- **PROBLEM TO SOLVE**
In the entries below, the lines from the one with "#158=IFCMATERIALLAYER(#157,0.1799,$,$,$,$,$);" through the one with "building model written" are to be copied exactly; both ends count.

╭─ DATASET CONTENT

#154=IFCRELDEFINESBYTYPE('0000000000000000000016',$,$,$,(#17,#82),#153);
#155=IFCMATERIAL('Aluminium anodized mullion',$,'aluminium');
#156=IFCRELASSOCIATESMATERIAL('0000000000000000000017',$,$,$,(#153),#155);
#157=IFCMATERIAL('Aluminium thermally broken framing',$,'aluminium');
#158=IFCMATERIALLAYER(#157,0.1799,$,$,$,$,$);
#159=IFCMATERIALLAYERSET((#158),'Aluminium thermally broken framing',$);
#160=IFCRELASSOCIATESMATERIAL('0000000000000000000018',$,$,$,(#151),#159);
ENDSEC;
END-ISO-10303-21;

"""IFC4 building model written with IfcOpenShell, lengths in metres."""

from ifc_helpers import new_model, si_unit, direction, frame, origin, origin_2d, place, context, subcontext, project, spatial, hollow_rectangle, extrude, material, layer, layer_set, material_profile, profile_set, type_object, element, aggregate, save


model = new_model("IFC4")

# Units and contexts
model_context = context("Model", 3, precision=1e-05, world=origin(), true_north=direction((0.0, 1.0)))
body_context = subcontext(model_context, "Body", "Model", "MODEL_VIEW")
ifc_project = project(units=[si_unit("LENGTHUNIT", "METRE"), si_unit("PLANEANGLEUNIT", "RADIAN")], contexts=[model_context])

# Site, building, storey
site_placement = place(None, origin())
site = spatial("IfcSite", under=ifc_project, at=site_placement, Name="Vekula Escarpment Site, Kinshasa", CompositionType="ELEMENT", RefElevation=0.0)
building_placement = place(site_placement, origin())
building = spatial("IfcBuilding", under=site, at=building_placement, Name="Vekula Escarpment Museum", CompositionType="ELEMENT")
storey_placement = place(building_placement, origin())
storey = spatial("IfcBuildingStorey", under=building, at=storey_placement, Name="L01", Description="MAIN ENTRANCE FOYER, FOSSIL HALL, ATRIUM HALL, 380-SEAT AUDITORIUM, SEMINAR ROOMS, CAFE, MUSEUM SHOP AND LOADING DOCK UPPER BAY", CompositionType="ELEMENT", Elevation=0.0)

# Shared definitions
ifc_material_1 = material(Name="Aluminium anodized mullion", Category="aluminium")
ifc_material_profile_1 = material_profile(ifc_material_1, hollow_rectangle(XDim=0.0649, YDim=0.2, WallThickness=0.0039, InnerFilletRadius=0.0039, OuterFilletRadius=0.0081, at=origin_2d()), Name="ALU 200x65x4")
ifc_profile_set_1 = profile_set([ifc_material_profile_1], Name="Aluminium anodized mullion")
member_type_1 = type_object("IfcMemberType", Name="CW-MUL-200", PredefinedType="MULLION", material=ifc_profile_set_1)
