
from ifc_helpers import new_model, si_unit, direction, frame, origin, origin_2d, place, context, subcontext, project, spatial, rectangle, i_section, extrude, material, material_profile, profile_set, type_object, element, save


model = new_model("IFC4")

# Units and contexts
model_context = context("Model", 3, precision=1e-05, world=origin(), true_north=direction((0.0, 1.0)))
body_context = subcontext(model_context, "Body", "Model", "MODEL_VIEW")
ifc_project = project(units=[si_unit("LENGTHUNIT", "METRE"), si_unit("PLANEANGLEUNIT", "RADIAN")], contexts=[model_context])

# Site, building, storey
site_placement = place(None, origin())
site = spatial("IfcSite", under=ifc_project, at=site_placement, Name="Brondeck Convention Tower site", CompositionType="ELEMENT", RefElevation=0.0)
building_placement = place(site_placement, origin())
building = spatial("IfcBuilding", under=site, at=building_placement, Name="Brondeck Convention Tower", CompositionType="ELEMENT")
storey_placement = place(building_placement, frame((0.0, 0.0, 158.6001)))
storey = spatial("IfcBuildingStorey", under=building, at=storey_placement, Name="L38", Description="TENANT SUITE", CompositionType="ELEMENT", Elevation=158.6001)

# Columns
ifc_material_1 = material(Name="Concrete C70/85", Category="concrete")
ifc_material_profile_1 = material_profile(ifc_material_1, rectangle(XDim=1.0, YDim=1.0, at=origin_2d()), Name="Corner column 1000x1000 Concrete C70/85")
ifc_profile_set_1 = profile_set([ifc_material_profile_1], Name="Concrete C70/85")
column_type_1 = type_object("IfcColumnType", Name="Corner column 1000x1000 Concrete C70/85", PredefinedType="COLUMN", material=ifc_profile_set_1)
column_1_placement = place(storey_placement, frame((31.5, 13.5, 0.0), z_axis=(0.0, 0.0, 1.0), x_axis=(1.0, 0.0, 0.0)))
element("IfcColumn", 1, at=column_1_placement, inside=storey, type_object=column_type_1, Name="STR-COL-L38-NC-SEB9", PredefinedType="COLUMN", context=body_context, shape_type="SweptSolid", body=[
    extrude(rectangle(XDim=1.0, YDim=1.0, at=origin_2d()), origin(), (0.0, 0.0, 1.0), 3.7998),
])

╰─
╭─ DATASET CONTENT

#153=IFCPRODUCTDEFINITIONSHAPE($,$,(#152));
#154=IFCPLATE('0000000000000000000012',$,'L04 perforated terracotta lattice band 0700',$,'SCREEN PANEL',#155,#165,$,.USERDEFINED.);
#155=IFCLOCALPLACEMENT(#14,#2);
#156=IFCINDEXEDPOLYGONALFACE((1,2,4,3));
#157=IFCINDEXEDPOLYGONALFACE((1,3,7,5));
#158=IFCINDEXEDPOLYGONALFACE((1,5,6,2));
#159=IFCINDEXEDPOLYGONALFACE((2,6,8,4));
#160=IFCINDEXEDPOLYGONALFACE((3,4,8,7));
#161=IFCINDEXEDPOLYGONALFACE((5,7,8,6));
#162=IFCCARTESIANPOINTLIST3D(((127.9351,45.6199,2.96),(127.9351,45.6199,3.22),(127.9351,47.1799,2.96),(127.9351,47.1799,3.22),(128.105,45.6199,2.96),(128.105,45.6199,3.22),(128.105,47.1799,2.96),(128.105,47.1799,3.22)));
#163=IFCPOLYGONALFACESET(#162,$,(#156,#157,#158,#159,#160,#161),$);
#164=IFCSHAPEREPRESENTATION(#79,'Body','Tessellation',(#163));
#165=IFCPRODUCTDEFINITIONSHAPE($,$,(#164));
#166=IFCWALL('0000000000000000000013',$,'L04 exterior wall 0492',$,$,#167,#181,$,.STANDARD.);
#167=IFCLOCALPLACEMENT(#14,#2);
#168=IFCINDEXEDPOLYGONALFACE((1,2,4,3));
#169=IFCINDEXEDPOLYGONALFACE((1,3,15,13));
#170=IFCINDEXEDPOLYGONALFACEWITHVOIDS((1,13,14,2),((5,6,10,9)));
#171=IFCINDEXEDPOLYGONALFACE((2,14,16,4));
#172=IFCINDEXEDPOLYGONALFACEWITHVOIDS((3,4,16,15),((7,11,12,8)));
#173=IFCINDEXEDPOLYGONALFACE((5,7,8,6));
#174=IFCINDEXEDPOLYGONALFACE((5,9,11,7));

╰─

- **SOLUTION TO THIS TASK**
#158=IFCMATERIALLAYER(#157,0.1799,$,$,$,$,$);
#159=IFCMATERIALLAYERSET((#158),'Aluminium thermally broken framing',$);
#160=IFCRELASSOCIATESMATERIAL('0000000000000000000018',$,$,$,(#151),#159);
ENDSEC;
END-ISO-10303-21;

"""IFC4 building model written with IfcOpenShell, lengths in metres."""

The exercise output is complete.